## EXERCISE OBJECTIVE
Go over the entries and report the lines where the word "floor" occurs.

## INPUT DATA

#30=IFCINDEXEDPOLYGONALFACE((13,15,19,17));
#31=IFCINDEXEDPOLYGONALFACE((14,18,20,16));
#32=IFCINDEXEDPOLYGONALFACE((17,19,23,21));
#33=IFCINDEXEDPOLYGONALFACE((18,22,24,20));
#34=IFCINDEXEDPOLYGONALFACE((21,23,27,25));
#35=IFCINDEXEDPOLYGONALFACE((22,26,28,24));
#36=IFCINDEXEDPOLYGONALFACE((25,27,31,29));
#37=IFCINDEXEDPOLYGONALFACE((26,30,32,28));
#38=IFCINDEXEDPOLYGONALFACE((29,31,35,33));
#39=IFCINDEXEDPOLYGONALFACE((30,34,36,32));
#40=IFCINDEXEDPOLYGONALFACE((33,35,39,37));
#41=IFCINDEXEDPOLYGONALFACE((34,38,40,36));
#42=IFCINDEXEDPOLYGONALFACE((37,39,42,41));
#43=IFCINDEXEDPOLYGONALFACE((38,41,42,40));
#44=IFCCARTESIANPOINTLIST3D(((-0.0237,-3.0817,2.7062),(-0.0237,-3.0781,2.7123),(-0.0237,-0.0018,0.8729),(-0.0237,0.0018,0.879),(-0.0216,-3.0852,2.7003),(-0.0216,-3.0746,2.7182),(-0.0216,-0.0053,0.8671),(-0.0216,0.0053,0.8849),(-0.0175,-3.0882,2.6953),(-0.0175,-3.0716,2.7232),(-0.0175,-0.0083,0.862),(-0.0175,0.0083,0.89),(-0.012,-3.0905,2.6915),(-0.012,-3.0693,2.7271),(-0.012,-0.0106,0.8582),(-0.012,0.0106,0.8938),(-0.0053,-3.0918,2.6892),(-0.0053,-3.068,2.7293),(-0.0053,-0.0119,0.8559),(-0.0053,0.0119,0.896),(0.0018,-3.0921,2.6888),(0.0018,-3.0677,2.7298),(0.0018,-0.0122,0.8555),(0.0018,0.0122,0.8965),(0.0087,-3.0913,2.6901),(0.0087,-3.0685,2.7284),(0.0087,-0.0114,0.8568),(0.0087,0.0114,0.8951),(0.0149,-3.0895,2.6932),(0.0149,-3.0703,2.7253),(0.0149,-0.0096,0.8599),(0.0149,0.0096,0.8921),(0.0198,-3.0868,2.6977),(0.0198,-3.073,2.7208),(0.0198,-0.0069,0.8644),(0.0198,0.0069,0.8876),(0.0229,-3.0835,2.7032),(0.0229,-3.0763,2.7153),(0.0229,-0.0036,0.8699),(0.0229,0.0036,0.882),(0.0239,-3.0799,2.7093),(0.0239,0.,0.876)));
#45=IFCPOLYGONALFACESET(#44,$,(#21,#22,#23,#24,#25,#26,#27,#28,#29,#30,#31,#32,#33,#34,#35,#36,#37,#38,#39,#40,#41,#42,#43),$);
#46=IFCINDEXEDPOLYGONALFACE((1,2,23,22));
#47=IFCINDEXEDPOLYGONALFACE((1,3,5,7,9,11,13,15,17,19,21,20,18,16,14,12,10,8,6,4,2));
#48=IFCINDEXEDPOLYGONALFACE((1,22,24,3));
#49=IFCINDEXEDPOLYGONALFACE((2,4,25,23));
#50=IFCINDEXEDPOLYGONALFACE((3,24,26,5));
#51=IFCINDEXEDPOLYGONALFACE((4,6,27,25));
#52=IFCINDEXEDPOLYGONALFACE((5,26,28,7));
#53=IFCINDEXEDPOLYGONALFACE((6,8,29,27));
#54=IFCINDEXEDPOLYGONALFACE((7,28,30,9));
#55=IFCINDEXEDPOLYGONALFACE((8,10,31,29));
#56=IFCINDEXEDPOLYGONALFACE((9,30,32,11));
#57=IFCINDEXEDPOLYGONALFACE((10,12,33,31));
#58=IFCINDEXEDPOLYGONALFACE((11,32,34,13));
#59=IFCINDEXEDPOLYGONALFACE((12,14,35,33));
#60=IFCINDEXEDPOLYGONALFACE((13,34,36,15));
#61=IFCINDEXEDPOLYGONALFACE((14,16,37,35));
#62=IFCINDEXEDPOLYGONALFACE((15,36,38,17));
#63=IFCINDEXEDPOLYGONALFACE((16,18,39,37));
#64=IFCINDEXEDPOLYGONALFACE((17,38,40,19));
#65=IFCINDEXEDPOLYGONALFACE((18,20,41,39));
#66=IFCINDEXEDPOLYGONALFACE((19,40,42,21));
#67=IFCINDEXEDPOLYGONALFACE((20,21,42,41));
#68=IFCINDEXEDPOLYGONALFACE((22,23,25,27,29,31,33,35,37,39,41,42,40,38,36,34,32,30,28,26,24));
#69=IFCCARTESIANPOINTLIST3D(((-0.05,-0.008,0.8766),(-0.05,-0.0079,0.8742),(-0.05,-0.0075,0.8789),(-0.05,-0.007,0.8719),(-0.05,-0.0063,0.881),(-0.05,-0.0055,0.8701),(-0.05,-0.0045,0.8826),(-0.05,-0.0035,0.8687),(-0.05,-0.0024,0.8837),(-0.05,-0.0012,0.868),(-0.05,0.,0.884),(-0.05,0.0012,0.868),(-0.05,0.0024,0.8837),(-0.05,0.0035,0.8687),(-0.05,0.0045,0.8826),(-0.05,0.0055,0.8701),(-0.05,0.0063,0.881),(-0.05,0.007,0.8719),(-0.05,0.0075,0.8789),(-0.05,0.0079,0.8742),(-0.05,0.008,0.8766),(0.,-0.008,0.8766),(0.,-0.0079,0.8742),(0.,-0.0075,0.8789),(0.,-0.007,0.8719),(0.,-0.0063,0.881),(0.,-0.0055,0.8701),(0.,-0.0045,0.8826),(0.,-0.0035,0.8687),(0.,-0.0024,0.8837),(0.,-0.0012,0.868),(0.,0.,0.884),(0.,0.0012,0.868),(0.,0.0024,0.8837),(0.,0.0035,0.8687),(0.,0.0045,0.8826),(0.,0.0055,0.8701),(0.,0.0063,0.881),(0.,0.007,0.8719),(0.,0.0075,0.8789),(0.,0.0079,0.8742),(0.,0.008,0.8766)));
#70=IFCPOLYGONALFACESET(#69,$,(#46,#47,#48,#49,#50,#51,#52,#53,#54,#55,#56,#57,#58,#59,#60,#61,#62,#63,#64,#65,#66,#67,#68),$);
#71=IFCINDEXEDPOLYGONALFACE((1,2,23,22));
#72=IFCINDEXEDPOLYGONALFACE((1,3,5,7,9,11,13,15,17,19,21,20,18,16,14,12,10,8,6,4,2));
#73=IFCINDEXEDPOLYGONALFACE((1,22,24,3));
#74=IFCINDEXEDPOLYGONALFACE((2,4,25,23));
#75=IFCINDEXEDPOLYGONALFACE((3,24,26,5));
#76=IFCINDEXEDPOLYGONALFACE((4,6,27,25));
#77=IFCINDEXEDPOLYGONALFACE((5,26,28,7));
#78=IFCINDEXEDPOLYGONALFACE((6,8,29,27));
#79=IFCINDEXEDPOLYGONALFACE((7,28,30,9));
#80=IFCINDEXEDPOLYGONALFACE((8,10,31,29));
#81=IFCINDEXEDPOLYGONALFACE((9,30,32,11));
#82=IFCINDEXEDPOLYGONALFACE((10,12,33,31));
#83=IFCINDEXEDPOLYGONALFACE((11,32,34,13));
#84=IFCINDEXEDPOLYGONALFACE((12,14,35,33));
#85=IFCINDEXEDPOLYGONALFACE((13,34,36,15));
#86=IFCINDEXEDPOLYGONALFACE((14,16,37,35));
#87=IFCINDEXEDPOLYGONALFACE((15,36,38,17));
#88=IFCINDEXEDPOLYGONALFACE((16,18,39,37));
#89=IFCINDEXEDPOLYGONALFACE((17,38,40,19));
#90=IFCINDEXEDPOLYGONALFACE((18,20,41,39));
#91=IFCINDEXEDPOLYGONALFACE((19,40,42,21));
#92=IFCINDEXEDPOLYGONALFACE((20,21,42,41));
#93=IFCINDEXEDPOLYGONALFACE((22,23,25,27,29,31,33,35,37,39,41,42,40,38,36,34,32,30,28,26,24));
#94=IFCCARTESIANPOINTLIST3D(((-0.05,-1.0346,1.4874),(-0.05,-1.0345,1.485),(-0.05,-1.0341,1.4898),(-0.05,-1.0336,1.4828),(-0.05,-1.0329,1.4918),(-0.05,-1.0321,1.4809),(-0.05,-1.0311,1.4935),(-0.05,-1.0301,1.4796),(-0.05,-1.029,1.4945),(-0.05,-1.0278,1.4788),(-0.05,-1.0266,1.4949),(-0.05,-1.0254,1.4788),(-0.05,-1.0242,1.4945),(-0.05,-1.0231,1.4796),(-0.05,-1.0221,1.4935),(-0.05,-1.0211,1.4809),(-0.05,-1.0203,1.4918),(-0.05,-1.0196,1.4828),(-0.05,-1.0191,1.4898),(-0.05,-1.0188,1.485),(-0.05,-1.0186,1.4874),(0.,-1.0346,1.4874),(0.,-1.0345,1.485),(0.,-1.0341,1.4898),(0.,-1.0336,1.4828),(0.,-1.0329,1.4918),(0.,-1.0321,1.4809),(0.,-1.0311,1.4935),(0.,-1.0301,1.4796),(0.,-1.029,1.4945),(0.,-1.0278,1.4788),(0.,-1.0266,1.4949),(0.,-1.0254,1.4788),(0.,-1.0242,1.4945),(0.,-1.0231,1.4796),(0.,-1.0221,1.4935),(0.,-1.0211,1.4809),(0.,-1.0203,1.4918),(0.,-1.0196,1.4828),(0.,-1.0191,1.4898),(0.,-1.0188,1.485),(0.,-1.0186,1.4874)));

* * *

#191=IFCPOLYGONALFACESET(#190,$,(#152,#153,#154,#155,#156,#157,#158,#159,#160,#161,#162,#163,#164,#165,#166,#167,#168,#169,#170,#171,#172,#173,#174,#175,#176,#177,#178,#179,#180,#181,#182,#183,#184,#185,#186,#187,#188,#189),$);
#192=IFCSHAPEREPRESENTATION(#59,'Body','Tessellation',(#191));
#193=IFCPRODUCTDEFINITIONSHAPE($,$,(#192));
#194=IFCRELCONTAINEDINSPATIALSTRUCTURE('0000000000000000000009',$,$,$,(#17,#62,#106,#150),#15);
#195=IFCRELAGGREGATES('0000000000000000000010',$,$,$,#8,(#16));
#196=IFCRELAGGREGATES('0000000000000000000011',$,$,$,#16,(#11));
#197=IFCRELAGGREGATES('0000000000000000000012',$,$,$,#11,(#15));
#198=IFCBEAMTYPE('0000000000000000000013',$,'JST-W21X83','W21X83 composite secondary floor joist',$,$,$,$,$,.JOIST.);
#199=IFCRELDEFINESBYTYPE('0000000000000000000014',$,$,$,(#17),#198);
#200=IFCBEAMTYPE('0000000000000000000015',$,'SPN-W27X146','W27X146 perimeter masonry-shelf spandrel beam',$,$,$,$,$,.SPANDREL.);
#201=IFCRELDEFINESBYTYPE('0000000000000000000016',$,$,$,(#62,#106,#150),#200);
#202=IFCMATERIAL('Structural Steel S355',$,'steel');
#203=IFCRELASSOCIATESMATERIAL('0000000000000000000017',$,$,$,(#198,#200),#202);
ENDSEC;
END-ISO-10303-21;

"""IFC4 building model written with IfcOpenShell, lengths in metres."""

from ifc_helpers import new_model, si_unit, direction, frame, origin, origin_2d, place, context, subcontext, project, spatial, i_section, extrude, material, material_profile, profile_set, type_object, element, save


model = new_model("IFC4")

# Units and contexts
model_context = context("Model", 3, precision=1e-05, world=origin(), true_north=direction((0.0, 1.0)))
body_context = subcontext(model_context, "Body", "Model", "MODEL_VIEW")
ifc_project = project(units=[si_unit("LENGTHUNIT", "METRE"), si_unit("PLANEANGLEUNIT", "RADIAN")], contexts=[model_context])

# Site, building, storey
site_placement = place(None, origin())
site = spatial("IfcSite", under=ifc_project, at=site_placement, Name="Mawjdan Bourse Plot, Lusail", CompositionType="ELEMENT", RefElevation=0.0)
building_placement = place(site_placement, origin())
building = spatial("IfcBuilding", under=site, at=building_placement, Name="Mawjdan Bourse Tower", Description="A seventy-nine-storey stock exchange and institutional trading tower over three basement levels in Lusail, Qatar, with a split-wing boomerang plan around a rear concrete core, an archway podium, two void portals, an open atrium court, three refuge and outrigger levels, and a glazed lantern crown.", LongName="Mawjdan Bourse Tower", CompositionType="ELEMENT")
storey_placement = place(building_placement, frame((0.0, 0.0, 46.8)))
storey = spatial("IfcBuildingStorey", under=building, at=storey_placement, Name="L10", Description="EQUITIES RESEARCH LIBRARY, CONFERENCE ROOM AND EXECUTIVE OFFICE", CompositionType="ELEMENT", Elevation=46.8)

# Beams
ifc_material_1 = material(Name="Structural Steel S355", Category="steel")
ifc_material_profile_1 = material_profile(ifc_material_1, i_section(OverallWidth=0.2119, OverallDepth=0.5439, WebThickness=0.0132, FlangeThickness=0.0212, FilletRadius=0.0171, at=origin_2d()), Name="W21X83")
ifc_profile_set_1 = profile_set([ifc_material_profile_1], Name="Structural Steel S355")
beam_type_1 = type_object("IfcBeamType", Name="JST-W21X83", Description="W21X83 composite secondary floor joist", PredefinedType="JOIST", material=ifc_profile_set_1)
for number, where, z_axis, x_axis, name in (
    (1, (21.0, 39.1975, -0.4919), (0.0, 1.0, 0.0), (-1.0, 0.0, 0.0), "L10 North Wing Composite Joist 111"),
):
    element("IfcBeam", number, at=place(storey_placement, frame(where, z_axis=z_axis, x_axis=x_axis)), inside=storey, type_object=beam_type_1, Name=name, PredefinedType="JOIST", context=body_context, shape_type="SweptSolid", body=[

--

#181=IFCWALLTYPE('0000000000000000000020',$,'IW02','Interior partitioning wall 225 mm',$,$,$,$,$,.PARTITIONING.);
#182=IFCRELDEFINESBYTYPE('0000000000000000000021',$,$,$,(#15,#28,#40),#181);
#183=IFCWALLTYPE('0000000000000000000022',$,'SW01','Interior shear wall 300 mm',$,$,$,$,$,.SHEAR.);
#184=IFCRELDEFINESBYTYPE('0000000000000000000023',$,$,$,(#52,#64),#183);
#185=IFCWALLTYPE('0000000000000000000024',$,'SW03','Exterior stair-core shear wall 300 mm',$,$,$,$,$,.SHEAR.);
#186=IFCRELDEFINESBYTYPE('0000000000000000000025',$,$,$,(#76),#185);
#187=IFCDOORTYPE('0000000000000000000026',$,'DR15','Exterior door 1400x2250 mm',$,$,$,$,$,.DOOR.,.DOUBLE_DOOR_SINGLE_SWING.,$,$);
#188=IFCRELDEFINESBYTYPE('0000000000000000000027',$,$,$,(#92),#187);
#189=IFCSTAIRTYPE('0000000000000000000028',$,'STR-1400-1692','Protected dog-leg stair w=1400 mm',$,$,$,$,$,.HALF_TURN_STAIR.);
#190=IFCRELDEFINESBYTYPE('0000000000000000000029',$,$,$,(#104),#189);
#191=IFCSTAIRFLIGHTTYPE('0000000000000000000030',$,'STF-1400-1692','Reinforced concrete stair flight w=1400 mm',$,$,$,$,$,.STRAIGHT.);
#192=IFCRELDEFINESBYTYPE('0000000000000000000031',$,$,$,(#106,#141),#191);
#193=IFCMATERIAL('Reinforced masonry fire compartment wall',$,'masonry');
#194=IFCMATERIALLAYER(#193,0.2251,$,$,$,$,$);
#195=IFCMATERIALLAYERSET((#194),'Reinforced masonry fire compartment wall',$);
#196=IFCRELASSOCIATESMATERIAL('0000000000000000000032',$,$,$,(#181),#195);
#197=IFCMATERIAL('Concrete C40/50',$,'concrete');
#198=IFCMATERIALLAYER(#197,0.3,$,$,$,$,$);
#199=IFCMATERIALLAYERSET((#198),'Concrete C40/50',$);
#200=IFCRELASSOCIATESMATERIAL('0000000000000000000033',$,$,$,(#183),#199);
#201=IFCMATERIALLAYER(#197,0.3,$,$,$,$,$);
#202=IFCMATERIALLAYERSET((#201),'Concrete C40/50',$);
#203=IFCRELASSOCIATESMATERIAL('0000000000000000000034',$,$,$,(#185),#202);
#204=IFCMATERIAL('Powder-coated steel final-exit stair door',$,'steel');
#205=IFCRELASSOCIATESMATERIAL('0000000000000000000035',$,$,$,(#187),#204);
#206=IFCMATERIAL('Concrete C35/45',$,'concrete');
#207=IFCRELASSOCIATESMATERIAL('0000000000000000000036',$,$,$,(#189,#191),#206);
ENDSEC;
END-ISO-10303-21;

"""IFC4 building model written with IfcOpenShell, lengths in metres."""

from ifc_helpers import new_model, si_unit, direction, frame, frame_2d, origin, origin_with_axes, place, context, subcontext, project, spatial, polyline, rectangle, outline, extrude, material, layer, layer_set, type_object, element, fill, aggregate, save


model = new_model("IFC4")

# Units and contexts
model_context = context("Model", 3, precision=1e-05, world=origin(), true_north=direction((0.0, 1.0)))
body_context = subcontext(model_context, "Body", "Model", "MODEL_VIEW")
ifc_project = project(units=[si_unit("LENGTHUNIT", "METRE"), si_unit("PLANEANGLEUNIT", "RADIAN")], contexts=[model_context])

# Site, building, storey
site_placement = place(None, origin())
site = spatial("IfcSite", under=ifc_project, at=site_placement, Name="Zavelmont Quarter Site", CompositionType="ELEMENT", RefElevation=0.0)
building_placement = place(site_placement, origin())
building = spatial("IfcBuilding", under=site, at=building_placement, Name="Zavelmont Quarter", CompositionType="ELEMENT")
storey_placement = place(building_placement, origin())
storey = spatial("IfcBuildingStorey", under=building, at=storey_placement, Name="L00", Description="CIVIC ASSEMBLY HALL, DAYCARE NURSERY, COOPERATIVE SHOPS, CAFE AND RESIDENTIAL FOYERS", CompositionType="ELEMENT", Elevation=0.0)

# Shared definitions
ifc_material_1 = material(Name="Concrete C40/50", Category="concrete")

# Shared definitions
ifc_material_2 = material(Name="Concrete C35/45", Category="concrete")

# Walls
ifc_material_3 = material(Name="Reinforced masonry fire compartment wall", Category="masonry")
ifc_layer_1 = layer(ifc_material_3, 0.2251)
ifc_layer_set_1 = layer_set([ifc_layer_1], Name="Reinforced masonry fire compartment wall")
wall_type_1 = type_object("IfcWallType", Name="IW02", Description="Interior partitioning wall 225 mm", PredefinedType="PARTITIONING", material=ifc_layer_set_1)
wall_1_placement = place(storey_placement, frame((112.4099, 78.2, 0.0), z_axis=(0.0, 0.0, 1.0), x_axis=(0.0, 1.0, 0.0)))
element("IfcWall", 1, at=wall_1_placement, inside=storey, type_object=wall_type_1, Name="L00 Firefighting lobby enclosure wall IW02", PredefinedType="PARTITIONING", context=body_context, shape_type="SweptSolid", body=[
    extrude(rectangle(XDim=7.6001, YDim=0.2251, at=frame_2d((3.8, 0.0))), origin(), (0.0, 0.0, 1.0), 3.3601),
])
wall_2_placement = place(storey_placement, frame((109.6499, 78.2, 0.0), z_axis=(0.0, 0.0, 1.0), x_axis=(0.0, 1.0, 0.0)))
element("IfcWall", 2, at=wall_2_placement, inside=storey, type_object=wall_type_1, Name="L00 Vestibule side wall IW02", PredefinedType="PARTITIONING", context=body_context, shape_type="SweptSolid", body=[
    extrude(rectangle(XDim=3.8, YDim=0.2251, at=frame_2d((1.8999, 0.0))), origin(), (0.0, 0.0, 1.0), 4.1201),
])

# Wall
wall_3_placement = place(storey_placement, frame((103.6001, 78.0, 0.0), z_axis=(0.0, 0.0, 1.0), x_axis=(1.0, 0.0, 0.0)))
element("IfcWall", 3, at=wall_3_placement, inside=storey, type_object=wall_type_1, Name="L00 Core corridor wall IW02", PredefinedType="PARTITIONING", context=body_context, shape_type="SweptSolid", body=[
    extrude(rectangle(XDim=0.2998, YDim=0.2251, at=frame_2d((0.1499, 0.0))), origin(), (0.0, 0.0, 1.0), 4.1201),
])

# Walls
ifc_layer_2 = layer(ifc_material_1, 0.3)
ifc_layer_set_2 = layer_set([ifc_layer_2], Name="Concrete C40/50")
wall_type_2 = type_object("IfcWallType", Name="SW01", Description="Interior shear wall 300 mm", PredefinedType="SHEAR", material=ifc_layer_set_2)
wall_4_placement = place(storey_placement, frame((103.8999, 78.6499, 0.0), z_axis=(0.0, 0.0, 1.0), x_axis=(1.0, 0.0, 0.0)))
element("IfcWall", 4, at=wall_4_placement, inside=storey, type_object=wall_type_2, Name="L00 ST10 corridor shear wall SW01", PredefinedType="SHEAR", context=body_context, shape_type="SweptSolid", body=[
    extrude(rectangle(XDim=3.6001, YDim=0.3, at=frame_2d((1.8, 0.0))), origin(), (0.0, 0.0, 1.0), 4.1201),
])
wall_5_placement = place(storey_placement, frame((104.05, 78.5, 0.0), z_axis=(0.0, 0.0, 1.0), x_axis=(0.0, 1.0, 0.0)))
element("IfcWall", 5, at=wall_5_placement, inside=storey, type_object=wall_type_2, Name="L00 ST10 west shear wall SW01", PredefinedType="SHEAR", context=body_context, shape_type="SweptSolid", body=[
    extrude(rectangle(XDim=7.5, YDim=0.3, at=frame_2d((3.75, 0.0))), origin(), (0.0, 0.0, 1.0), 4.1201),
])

## SOLUTION TO THE EXERCISE
#198=IFCBEAMTYPE('0000000000000000000013',$,'JST-W21X83','W21X83 composite secondary floor joist',$,$,$,$,$,.JOIST.);
beam_type_1 = type_object("IfcBeamType", Name="JST-W21X83", Description="W21X83 composite secondary floor joist", PredefinedType="JOIST", material=ifc_profile_set_1)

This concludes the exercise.